◆ **RAW DATA**:
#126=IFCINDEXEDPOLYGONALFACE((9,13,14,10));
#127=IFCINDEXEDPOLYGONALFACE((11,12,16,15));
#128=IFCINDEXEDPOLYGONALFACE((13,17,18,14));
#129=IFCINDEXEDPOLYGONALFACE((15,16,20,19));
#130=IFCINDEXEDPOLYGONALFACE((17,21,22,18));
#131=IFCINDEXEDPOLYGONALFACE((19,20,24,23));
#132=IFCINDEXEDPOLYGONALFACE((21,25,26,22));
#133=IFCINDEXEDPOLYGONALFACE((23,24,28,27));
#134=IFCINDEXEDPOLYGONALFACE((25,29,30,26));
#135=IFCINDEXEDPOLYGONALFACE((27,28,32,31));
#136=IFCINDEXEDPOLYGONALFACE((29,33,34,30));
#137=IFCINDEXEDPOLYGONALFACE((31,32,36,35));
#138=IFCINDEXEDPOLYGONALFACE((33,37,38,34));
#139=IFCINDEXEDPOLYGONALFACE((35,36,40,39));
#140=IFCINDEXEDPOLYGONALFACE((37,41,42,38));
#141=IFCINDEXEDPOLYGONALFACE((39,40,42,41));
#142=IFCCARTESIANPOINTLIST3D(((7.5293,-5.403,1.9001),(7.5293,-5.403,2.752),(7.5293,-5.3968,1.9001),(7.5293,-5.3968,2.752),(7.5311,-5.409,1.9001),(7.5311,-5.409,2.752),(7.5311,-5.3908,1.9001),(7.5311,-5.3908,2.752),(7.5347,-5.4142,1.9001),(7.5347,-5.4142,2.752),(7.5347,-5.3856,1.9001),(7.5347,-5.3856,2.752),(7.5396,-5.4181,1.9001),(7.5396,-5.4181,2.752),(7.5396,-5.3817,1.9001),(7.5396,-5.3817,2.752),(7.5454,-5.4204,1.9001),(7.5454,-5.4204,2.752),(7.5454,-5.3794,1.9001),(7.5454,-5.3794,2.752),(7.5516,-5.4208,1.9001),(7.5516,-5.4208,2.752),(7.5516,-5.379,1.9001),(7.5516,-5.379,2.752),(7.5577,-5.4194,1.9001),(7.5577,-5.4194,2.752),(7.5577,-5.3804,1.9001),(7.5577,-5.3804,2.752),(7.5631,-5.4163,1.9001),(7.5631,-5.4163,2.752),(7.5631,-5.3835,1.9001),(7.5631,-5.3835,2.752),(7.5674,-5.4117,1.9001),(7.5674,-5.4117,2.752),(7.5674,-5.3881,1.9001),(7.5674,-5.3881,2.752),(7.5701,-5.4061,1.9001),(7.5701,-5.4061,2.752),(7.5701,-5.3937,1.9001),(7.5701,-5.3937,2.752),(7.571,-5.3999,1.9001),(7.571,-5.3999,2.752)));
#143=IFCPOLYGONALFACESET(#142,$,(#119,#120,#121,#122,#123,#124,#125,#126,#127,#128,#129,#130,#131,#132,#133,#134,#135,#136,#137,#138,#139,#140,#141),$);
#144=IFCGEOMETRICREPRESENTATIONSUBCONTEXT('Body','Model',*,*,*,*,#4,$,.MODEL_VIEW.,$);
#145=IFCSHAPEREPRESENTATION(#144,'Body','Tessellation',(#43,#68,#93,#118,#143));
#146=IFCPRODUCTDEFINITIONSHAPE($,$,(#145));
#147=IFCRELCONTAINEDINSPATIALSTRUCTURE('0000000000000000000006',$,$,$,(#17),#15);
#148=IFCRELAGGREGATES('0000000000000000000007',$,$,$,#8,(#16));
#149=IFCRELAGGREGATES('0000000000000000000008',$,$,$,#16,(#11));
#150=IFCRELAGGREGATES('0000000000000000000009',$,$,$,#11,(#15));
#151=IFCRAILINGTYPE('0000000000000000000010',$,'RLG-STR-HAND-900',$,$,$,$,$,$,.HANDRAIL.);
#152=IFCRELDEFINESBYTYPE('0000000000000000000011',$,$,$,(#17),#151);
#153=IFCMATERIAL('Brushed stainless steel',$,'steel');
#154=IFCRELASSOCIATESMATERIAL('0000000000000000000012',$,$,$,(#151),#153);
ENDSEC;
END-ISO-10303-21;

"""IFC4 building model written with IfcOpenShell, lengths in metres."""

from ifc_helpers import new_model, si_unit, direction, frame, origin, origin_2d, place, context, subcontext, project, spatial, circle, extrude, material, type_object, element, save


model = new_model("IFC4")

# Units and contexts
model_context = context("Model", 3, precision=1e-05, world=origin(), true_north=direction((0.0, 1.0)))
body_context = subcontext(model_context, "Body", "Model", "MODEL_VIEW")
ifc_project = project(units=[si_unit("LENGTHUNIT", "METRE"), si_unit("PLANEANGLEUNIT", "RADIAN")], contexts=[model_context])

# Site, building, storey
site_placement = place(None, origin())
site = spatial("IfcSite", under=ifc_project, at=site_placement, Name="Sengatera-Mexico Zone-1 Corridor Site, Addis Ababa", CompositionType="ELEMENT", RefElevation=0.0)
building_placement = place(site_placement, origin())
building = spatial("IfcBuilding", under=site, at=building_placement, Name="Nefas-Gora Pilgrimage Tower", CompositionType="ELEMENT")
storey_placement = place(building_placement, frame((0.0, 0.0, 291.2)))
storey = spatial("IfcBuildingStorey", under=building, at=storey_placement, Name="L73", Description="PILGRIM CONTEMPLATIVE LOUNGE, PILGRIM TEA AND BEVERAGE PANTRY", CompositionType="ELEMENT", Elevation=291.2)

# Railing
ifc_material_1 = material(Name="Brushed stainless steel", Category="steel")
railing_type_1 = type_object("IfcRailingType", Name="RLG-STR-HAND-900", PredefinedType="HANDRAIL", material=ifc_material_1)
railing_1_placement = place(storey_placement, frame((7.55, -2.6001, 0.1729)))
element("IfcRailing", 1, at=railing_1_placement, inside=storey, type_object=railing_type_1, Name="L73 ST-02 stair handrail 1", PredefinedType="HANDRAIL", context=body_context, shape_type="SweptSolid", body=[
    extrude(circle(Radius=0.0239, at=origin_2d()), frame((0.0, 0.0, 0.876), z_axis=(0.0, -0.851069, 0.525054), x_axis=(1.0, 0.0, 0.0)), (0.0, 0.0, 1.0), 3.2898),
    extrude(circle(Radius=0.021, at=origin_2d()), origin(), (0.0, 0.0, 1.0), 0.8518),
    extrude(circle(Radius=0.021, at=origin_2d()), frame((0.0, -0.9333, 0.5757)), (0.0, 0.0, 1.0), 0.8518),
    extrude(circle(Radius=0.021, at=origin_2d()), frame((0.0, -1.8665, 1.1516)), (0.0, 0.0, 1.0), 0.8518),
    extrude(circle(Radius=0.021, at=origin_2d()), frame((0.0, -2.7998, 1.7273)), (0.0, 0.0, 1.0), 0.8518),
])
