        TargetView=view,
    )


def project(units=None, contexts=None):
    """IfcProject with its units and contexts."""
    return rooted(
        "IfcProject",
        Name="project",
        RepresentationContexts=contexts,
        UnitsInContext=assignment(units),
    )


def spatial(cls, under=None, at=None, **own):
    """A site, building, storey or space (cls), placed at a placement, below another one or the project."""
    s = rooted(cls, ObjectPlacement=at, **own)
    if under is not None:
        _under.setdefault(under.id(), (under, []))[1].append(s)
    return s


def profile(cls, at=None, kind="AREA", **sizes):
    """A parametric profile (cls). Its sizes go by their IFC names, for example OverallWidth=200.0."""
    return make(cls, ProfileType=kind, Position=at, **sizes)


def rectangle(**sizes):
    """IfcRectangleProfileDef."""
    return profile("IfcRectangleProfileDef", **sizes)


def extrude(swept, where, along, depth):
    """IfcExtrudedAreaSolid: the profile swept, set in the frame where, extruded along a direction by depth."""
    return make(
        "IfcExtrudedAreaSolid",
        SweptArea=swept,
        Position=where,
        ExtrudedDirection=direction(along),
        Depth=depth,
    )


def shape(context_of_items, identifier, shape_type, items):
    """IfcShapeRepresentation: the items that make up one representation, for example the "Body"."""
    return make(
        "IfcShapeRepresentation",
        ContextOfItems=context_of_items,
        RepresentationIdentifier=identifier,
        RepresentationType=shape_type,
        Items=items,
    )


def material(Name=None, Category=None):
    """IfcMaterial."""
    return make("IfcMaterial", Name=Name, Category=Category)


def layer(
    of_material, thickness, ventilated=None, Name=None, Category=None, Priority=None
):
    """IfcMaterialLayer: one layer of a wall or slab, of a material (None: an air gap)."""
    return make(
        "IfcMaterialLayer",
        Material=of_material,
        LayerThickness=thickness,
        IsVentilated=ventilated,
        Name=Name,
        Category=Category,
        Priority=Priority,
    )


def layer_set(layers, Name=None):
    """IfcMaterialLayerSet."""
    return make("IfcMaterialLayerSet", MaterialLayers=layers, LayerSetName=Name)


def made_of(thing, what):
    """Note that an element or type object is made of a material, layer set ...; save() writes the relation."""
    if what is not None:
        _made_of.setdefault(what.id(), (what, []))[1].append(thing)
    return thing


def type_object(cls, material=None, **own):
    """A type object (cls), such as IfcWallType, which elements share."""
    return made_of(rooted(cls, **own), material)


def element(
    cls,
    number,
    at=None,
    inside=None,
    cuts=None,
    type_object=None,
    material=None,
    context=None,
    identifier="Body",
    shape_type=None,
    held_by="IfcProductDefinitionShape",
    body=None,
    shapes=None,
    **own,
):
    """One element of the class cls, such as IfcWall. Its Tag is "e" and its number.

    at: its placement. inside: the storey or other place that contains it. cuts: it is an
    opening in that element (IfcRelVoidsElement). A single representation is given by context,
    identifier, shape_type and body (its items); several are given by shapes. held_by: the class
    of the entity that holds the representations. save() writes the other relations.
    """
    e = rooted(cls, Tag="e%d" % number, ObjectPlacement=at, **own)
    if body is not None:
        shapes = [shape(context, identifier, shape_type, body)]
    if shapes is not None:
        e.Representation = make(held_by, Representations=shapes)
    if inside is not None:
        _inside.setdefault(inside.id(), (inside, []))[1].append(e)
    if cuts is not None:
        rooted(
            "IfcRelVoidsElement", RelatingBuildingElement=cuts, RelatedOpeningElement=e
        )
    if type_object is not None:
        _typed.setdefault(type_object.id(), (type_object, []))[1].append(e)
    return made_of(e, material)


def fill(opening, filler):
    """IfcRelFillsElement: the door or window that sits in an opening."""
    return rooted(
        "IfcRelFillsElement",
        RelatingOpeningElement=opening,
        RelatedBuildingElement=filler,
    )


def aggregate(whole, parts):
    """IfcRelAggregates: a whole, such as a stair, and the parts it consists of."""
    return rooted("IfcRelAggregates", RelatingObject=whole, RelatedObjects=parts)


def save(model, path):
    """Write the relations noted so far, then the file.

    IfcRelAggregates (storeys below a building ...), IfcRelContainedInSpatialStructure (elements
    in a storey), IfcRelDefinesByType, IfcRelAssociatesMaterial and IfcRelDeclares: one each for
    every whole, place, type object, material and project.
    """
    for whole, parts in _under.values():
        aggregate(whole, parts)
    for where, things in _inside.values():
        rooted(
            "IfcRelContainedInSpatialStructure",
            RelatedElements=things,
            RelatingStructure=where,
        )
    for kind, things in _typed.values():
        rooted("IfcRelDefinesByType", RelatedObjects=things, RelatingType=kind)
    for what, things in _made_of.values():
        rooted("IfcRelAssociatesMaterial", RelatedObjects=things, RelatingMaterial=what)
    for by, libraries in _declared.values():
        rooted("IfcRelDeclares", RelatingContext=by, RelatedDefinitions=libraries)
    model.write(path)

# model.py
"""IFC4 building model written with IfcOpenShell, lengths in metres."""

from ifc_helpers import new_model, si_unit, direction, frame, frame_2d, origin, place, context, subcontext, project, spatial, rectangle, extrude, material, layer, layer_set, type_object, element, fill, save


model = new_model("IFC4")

◆ **PROMPT**:
Go through the material and select each line with the string "IfcRectangleProfileDef" in it.

◆ **PROBLEM SOLUTION**:
    """IfcRectangleProfileDef."""
    return profile("IfcRectangleProfileDef", **sizes)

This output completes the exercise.